RAW DATA
——
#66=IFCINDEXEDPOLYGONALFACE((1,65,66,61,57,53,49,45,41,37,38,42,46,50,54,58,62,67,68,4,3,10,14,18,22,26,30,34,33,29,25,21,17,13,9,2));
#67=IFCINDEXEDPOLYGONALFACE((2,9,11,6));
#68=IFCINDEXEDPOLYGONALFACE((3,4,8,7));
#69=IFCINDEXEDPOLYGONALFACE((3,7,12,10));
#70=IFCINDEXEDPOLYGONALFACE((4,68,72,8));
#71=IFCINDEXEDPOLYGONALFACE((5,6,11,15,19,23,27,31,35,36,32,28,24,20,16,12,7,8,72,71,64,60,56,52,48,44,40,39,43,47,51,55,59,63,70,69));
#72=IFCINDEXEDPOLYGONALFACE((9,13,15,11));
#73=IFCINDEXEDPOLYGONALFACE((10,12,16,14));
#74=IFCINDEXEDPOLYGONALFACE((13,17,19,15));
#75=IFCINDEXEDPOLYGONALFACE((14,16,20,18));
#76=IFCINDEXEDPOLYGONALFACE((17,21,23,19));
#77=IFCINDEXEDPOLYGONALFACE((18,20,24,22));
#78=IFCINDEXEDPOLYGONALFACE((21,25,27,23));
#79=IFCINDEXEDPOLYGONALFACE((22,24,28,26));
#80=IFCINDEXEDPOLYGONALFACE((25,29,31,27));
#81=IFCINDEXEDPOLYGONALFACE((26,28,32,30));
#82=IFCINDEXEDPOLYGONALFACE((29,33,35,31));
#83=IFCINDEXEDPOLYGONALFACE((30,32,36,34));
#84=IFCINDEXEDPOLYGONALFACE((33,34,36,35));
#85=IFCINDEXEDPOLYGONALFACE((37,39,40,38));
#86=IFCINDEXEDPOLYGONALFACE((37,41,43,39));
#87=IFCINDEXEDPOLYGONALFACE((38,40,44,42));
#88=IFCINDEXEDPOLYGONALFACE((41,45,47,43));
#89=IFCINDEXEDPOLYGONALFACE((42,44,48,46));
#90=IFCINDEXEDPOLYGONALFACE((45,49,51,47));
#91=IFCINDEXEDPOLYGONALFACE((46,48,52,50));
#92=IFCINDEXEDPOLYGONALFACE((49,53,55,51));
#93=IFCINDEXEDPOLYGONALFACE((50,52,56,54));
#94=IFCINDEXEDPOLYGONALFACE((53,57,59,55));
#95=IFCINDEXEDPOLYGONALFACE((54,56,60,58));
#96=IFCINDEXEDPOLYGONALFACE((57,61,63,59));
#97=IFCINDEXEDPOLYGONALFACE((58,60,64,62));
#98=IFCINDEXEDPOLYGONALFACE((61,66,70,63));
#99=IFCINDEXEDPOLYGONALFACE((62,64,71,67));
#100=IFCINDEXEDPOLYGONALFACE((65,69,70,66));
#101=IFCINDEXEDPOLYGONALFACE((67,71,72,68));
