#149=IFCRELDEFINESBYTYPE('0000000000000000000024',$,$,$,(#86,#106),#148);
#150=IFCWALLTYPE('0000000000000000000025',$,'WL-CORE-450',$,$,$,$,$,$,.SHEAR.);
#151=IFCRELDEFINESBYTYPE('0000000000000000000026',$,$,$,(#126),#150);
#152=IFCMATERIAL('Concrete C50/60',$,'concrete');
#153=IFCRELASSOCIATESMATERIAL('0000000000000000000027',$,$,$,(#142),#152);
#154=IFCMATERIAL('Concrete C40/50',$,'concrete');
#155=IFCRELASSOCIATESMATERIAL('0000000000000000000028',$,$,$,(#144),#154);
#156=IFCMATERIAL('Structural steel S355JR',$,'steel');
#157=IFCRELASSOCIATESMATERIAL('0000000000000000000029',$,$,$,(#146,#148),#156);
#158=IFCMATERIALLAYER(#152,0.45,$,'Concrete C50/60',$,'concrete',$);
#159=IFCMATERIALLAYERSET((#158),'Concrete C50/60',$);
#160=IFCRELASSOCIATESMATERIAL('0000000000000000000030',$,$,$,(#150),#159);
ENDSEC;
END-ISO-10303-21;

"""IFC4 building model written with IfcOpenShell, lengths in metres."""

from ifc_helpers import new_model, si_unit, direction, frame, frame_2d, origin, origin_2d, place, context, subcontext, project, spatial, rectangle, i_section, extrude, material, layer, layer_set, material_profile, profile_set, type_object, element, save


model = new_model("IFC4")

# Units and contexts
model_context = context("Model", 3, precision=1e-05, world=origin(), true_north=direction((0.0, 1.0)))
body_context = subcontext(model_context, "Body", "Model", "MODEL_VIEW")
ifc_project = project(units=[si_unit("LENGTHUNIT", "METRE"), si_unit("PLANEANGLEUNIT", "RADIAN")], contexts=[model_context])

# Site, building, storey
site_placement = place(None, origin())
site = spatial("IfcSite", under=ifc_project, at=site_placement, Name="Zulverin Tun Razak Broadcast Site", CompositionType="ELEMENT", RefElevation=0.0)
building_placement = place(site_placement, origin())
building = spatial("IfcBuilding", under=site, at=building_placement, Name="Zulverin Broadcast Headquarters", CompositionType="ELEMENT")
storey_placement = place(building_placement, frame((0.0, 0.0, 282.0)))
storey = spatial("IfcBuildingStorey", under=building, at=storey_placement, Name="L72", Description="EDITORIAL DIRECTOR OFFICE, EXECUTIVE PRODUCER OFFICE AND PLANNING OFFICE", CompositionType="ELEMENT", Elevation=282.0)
——
DIRECTIONS
When the line containing "# Site, building, storey" is reached, return it and every later line through the end of the listing above, unaltered and alone.

RESPONSE
# Site, building, storey
site_placement = place(None, origin())
site = spatial("IfcSite", under=ifc_project, at=site_placement, Name="Zulverin Tun Razak Broadcast Site", CompositionType="ELEMENT", RefElevation=0.0)
building_placement = place(site_placement, origin())
building = spatial("IfcBuilding", under=site, at=building_placement, Name="Zulverin Broadcast Headquarters", CompositionType="ELEMENT")
storey_placement = place(building_placement, frame((0.0, 0.0, 282.0)))
storey = spatial("IfcBuildingStorey", under=building, at=storey_placement, Name="L72", Description="EDITORIAL DIRECTOR OFFICE, EXECUTIVE PRODUCER OFFICE AND PLANNING OFFICE", CompositionType="ELEMENT", Elevation=282.0)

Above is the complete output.